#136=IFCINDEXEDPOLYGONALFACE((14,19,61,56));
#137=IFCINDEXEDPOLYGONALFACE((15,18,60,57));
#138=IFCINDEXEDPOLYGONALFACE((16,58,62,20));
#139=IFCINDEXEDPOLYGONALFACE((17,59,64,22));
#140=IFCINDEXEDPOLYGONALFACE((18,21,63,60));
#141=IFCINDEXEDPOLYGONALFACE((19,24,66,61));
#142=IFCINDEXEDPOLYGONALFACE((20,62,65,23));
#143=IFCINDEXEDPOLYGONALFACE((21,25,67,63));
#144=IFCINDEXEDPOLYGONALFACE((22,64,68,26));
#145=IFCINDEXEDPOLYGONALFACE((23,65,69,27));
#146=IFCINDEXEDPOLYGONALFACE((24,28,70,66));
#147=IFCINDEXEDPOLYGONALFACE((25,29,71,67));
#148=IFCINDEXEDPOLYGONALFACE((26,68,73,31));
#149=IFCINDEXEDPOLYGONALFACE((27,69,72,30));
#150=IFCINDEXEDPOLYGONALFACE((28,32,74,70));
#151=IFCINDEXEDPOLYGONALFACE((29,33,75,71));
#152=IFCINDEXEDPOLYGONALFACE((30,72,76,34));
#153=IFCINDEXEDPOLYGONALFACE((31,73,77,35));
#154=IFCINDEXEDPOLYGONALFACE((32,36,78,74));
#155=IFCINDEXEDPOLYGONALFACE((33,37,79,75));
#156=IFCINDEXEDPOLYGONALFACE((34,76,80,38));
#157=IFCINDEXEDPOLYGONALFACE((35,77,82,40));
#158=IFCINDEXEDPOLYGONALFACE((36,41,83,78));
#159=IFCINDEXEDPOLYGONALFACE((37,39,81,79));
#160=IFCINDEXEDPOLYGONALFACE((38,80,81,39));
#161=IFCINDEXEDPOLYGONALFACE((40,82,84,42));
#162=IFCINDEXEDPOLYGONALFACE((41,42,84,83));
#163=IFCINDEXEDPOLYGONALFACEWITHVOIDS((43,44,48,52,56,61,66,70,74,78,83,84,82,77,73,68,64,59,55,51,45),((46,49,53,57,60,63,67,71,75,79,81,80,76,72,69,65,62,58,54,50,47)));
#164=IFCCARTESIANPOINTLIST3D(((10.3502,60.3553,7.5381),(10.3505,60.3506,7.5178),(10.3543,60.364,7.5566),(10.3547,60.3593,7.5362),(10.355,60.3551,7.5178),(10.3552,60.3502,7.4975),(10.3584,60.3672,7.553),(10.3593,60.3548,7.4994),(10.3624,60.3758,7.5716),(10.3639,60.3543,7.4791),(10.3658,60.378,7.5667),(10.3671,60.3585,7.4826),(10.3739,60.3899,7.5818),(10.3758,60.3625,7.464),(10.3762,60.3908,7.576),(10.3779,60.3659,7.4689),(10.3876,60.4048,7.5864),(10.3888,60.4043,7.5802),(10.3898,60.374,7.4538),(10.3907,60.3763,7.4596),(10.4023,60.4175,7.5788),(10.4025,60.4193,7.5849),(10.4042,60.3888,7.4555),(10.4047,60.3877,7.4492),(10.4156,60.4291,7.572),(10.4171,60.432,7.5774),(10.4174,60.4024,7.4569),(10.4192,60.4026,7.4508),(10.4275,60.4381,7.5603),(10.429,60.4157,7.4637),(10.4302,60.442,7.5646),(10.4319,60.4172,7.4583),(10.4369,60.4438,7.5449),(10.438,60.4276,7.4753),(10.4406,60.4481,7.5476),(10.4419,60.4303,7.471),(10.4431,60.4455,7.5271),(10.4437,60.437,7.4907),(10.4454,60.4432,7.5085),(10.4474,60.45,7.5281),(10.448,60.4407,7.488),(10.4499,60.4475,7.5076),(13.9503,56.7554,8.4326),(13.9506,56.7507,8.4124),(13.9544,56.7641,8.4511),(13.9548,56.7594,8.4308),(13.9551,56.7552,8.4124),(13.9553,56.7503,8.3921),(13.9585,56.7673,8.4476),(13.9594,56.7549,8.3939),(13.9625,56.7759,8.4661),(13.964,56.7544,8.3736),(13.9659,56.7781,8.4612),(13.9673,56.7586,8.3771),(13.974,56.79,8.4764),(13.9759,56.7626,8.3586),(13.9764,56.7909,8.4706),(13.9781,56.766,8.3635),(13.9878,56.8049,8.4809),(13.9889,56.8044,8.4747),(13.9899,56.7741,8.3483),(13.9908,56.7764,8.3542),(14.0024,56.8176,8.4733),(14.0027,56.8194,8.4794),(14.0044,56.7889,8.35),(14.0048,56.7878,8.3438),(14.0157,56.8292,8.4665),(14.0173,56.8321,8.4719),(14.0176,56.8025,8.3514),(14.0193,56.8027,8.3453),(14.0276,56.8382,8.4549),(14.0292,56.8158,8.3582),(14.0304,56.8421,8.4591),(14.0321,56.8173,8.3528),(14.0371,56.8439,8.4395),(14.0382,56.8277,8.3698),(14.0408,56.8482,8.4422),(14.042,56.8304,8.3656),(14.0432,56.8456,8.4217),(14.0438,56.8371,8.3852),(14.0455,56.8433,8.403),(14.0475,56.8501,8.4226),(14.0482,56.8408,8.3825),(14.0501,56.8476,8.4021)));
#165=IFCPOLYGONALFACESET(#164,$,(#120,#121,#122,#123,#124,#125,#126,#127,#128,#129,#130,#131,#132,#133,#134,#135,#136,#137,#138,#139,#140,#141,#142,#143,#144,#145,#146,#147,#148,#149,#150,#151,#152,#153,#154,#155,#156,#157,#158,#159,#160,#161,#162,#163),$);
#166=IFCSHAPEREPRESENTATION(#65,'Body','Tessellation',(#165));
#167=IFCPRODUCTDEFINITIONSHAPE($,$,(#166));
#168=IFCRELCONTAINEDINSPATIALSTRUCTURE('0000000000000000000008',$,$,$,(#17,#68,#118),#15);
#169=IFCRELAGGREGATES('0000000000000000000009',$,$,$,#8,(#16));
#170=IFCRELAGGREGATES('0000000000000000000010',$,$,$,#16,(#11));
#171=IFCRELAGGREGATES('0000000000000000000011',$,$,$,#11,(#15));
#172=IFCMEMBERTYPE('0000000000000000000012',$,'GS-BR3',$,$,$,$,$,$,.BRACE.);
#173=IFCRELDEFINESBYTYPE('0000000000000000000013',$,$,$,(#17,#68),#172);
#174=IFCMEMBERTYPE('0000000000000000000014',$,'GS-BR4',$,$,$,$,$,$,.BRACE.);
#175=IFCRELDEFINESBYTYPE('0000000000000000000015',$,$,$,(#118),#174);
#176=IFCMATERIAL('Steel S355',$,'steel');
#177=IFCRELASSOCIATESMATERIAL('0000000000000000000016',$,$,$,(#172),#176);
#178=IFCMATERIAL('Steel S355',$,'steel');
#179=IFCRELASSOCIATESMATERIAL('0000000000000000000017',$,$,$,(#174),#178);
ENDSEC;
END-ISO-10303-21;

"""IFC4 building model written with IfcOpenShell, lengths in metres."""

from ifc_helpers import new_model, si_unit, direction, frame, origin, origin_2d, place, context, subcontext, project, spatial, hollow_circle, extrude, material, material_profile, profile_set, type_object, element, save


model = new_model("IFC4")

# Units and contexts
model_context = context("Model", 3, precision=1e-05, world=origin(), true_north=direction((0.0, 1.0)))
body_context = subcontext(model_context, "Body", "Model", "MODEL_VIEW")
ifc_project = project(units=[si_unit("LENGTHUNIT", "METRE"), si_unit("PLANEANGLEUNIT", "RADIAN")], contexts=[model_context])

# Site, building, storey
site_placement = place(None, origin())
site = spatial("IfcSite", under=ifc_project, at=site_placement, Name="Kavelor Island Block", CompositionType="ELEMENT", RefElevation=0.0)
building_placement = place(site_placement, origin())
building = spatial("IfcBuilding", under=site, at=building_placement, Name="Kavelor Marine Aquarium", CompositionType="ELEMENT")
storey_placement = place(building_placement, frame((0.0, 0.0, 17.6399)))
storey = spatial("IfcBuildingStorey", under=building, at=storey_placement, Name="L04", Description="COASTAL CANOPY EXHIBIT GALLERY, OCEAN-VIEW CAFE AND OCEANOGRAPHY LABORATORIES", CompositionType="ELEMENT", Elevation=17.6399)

# # #

**Task to carry out**.
Of the entries above, transcribe exactly those lines that fall between the line containing "#153=IFCINDEXEDPOLYGONALFACE((31,73,77,35));" and the line containing "#159=IFCINDEXEDPOLYGONALFACE((37,39,81,79));", together with those two lines.

**Solution**.
#153=IFCINDEXEDPOLYGONALFACE((31,73,77,35));
#154=IFCINDEXEDPOLYGONALFACE((32,36,78,74));
#155=IFCINDEXEDPOLYGONALFACE((33,37,79,75));
#156=IFCINDEXEDPOLYGONALFACE((34,76,80,38));
#157=IFCINDEXEDPOLYGONALFACE((35,77,82,40));
#158=IFCINDEXEDPOLYGONALFACE((36,41,83,78));
#159=IFCINDEXEDPOLYGONALFACE((37,39,81,79));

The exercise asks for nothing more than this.